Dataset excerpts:
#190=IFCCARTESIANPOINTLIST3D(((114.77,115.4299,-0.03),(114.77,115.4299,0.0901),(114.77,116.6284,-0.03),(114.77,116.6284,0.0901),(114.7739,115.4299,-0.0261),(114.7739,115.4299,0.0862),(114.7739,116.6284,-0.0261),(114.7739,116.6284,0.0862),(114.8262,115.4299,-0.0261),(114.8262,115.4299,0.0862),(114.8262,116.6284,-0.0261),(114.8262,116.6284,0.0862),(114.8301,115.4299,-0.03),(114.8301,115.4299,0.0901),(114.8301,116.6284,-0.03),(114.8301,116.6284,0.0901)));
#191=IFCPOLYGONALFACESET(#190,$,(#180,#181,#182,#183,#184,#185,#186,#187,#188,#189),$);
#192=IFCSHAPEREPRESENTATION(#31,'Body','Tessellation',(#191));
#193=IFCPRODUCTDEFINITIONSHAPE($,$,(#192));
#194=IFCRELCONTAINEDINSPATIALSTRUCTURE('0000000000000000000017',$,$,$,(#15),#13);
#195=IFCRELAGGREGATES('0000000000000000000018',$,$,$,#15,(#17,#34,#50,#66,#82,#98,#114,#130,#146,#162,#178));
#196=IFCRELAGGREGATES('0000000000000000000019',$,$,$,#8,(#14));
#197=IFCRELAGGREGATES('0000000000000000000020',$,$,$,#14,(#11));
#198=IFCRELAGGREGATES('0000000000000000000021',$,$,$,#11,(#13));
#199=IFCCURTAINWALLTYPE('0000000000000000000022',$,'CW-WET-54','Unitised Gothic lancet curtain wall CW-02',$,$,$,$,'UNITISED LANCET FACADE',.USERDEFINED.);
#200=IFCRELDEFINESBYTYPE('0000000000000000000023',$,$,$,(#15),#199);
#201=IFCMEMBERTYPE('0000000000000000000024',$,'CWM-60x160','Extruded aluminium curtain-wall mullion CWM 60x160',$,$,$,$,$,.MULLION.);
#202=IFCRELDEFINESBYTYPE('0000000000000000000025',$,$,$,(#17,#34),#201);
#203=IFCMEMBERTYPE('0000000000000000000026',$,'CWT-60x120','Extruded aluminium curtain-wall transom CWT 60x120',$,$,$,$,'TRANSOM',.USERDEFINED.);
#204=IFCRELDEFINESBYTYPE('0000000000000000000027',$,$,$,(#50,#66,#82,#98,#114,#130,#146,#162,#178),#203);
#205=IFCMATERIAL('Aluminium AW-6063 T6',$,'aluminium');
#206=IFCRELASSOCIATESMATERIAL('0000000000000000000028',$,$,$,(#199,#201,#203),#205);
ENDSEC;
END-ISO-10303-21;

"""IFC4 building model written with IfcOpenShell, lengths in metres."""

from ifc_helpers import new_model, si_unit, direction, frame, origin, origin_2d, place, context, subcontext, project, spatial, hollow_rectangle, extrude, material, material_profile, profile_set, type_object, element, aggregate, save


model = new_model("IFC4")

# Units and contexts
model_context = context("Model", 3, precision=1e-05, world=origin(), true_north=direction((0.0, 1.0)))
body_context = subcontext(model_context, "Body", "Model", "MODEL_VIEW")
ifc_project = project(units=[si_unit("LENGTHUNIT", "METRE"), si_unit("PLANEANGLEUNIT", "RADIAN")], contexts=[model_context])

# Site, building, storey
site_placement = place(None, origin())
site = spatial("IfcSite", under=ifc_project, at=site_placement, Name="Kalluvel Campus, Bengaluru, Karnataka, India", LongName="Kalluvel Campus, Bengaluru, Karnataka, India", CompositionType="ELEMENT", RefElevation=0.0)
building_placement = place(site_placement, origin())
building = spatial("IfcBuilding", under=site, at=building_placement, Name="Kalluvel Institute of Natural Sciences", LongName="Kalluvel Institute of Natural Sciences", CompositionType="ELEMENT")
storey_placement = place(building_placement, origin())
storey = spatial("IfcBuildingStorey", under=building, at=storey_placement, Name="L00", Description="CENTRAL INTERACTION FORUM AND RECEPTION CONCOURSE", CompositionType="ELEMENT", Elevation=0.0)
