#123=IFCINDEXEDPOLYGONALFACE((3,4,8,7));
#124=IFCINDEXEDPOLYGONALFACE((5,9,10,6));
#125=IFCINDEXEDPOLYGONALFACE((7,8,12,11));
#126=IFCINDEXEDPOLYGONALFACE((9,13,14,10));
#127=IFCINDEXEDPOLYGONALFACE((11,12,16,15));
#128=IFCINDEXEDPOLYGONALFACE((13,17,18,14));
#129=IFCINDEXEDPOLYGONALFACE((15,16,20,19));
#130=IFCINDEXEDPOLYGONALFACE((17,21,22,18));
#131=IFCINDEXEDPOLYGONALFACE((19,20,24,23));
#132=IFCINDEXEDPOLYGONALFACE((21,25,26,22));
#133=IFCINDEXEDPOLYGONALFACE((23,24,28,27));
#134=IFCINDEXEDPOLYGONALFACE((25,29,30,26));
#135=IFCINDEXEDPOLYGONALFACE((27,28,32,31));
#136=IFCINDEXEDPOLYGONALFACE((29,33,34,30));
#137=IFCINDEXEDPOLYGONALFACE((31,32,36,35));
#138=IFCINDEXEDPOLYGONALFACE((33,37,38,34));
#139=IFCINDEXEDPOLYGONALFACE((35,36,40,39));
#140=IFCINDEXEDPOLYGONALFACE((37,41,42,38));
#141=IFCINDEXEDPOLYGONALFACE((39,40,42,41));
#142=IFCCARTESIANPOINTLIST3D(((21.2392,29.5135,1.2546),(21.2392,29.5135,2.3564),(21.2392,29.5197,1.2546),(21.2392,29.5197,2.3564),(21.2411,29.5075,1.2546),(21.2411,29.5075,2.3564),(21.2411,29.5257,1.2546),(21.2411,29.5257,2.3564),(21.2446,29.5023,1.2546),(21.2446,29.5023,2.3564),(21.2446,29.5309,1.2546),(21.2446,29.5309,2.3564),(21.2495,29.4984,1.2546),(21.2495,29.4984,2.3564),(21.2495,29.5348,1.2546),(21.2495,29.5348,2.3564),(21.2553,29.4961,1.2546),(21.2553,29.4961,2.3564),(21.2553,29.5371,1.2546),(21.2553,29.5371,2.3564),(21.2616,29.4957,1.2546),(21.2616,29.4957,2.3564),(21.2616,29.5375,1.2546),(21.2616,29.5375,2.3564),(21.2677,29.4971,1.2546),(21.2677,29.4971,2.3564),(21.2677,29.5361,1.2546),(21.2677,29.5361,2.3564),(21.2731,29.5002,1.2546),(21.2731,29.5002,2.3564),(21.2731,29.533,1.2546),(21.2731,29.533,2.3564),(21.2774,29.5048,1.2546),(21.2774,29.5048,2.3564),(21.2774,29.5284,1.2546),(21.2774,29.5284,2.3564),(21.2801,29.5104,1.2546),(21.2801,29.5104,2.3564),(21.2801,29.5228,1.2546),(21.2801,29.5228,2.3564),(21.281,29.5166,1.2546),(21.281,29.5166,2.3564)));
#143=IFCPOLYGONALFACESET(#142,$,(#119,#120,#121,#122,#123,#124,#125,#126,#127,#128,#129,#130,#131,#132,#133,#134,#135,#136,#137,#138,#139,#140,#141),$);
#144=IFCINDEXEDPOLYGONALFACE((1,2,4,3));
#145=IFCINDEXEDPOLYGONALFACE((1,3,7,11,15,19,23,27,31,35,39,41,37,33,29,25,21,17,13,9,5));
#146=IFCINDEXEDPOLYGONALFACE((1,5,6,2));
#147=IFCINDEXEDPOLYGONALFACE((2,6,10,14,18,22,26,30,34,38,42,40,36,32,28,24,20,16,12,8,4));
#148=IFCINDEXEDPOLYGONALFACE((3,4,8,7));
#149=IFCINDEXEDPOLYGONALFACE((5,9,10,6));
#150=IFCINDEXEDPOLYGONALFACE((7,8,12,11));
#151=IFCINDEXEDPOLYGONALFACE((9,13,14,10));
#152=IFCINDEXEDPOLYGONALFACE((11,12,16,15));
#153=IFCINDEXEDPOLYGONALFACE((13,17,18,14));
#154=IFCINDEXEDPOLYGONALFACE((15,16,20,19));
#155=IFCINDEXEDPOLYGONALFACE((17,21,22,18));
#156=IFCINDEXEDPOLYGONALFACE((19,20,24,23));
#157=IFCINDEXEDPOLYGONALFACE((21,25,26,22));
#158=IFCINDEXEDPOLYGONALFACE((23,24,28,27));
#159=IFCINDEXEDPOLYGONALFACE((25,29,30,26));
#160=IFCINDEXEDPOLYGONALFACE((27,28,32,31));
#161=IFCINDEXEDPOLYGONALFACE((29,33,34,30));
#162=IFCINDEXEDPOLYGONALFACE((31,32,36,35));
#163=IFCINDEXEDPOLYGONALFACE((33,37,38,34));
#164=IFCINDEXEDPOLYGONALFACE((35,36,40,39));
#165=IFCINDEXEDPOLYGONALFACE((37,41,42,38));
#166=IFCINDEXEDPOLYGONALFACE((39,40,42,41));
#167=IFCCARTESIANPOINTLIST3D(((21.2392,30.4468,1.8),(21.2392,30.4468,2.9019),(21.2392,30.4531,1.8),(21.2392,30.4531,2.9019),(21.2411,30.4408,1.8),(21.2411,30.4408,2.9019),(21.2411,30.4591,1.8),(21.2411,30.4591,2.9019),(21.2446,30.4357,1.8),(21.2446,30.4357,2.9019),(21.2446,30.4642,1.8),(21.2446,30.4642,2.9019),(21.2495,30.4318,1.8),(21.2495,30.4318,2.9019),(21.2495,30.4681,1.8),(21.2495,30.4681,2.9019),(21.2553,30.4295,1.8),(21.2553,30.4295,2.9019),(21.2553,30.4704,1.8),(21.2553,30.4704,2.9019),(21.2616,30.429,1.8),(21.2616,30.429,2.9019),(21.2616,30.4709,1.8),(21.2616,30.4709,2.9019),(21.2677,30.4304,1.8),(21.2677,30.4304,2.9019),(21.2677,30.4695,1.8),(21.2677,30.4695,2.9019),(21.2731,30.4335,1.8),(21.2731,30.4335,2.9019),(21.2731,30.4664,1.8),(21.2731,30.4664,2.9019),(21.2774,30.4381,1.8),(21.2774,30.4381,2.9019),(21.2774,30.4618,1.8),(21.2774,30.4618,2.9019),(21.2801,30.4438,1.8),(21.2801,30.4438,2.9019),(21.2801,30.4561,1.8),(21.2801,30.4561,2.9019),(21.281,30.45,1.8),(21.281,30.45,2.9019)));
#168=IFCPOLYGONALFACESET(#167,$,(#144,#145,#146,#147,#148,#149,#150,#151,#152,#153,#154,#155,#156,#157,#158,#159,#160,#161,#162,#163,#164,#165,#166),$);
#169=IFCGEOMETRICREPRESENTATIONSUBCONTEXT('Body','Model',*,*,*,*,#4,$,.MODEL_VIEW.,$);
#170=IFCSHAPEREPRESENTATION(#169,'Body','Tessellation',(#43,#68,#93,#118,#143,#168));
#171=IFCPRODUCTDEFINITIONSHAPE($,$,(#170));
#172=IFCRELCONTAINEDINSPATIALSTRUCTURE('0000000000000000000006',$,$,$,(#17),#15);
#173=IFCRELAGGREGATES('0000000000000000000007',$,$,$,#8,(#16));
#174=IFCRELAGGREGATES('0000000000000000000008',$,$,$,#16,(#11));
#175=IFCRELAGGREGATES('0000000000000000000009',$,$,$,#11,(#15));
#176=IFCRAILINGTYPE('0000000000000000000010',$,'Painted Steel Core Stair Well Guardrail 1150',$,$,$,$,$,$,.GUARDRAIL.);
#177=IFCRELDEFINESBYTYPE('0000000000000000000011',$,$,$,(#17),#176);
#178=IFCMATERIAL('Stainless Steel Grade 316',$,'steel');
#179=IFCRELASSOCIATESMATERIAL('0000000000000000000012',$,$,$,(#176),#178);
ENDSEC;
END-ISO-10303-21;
...
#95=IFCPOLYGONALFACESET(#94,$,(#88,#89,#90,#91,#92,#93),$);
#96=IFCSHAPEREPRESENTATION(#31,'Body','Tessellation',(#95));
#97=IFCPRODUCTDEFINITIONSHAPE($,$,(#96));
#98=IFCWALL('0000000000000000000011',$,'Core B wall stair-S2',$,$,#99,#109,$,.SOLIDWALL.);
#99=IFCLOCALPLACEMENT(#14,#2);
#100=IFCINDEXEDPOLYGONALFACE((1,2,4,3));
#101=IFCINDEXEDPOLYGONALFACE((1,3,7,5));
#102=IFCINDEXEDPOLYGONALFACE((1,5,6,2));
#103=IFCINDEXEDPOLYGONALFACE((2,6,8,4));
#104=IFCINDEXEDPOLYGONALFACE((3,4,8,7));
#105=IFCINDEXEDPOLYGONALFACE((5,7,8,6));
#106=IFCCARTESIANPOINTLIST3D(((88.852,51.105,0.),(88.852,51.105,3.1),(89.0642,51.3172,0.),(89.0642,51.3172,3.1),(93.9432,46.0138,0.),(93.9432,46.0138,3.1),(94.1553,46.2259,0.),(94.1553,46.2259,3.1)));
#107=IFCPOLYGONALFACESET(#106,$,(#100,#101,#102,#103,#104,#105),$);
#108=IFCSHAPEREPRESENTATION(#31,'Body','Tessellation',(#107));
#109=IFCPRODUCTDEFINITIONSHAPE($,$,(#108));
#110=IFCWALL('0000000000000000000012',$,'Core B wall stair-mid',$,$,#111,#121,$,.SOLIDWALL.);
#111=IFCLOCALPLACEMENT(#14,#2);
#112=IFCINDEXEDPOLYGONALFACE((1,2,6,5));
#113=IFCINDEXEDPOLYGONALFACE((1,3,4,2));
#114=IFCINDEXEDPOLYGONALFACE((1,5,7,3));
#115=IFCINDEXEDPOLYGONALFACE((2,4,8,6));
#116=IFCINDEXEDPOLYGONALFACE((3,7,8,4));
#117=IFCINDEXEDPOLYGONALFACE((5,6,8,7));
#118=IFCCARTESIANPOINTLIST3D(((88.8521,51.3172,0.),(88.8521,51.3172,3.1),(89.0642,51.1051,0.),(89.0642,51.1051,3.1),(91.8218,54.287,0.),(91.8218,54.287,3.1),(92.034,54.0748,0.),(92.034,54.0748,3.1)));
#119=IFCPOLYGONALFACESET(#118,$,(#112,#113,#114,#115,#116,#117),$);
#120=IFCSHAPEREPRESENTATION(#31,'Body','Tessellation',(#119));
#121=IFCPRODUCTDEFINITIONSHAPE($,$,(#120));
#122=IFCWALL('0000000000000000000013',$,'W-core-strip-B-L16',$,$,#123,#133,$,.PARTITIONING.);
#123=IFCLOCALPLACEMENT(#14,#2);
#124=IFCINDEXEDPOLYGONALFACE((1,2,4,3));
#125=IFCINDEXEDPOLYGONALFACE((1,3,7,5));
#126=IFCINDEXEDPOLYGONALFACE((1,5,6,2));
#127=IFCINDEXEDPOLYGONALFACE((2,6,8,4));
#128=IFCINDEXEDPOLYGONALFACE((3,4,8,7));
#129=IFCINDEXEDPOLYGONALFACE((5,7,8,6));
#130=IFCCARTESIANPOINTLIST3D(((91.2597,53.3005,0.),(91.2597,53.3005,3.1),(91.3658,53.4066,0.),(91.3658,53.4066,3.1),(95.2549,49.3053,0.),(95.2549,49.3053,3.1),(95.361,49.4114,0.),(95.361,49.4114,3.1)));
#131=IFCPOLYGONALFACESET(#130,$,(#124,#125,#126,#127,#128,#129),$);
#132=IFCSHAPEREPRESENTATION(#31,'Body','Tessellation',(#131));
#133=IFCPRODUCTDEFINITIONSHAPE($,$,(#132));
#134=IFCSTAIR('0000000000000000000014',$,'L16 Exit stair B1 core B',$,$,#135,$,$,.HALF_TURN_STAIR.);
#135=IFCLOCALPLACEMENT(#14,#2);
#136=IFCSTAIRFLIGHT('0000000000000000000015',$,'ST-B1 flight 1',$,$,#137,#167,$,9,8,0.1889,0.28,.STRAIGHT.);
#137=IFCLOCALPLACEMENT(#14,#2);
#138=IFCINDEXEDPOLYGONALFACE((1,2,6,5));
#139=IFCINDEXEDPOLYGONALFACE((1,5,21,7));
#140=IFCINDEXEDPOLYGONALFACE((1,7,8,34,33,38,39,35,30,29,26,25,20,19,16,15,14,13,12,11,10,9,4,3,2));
---
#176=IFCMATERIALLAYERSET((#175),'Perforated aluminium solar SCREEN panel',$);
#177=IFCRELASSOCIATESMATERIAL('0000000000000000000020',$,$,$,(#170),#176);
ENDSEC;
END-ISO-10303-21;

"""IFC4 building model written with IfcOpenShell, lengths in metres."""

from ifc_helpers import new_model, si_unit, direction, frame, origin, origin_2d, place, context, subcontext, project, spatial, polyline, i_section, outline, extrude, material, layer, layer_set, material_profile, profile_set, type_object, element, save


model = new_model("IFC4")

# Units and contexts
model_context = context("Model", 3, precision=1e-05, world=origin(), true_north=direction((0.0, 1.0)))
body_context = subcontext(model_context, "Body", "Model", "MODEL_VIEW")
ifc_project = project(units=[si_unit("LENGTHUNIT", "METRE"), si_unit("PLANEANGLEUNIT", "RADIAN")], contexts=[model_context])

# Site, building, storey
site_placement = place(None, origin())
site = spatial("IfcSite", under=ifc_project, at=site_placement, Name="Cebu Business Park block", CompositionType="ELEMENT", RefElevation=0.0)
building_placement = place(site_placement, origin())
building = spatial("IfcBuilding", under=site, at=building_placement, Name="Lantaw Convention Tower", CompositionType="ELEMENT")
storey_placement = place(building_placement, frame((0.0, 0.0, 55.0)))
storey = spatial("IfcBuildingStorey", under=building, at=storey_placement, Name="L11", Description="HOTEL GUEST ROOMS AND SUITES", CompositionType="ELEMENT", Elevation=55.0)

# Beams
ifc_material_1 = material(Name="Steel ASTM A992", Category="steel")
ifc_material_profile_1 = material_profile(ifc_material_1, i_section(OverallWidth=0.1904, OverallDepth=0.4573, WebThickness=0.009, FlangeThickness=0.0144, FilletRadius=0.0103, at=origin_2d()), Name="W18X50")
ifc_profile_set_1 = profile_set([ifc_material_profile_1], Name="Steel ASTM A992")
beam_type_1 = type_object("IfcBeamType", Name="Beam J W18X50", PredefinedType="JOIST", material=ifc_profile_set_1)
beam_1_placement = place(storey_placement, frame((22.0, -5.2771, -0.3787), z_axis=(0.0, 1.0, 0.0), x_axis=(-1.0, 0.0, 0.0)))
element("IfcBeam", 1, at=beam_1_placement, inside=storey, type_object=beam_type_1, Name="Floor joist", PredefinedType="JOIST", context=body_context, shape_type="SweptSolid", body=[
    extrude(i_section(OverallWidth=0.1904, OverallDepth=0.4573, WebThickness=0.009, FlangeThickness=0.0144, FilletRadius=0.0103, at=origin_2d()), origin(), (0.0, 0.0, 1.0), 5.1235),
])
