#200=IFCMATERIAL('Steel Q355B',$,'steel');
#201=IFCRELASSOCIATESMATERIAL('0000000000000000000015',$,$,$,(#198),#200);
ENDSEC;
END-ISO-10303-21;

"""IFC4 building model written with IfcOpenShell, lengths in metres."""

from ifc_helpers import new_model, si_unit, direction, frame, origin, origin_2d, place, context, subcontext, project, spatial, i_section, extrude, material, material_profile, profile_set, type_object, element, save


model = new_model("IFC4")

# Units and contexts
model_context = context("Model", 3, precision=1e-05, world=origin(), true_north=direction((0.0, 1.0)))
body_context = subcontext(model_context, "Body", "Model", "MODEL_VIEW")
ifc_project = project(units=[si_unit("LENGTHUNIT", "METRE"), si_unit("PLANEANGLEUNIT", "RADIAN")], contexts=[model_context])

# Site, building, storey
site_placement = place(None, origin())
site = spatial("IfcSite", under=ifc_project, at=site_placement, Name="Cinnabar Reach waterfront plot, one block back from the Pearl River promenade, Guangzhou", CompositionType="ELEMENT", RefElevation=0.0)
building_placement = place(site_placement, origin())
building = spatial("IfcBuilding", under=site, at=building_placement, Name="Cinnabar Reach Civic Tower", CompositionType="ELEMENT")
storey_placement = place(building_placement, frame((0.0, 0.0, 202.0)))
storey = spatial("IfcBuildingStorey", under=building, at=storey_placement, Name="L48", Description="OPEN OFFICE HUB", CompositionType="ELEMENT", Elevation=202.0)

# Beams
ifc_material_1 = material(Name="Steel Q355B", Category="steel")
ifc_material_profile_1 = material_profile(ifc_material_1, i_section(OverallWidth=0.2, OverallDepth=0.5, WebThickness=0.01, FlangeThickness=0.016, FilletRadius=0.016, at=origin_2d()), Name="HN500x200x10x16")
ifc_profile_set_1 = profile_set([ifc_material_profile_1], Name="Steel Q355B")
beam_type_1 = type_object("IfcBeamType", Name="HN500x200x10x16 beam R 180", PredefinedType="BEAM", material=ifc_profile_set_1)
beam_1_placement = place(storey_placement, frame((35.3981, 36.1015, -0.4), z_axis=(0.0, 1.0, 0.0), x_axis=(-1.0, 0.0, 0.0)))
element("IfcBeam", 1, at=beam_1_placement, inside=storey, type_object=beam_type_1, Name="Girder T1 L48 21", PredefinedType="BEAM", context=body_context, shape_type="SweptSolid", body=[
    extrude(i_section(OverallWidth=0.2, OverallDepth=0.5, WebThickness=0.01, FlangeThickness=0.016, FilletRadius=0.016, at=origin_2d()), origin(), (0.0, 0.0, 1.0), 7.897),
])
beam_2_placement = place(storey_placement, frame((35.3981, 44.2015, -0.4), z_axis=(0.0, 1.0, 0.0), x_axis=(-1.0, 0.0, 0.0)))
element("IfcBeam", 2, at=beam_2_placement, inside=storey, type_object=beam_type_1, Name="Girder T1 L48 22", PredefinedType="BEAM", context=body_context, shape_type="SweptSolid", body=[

# Task statement:
Starting at the line above that holds "#127=IFCINDEXEDPOLYGONALFACE((11,12,16,15));" and ending at the line that holds "#141=IFCINDEXEDPOLYGONALFACE((39,40,42,41));", transcribe each line exactly and include no other lines.

# Answer for this exercise:
#127=IFCINDEXEDPOLYGONALFACE((11,12,16,15));
#128=IFCINDEXEDPOLYGONALFACE((13,17,18,14));
#129=IFCINDEXEDPOLYGONALFACE((15,16,20,19));
#130=IFCINDEXEDPOLYGONALFACE((17,21,22,18));
#131=IFCINDEXEDPOLYGONALFACE((19,20,24,23));
#132=IFCINDEXEDPOLYGONALFACE((21,25,26,22));
#133=IFCINDEXEDPOLYGONALFACE((23,24,28,27));
#134=IFCINDEXEDPOLYGONALFACE((25,29,30,26));
#135=IFCINDEXEDPOLYGONALFACE((27,28,32,31));
#136=IFCINDEXEDPOLYGONALFACE((29,33,34,30));
#137=IFCINDEXEDPOLYGONALFACE((31,32,36,35));
#138=IFCINDEXEDPOLYGONALFACE((33,37,38,34));
#139=IFCINDEXEDPOLYGONALFACE((35,36,40,39));
#140=IFCINDEXEDPOLYGONALFACE((37,41,42,38));
#141=IFCINDEXEDPOLYGONALFACE((39,40,42,41));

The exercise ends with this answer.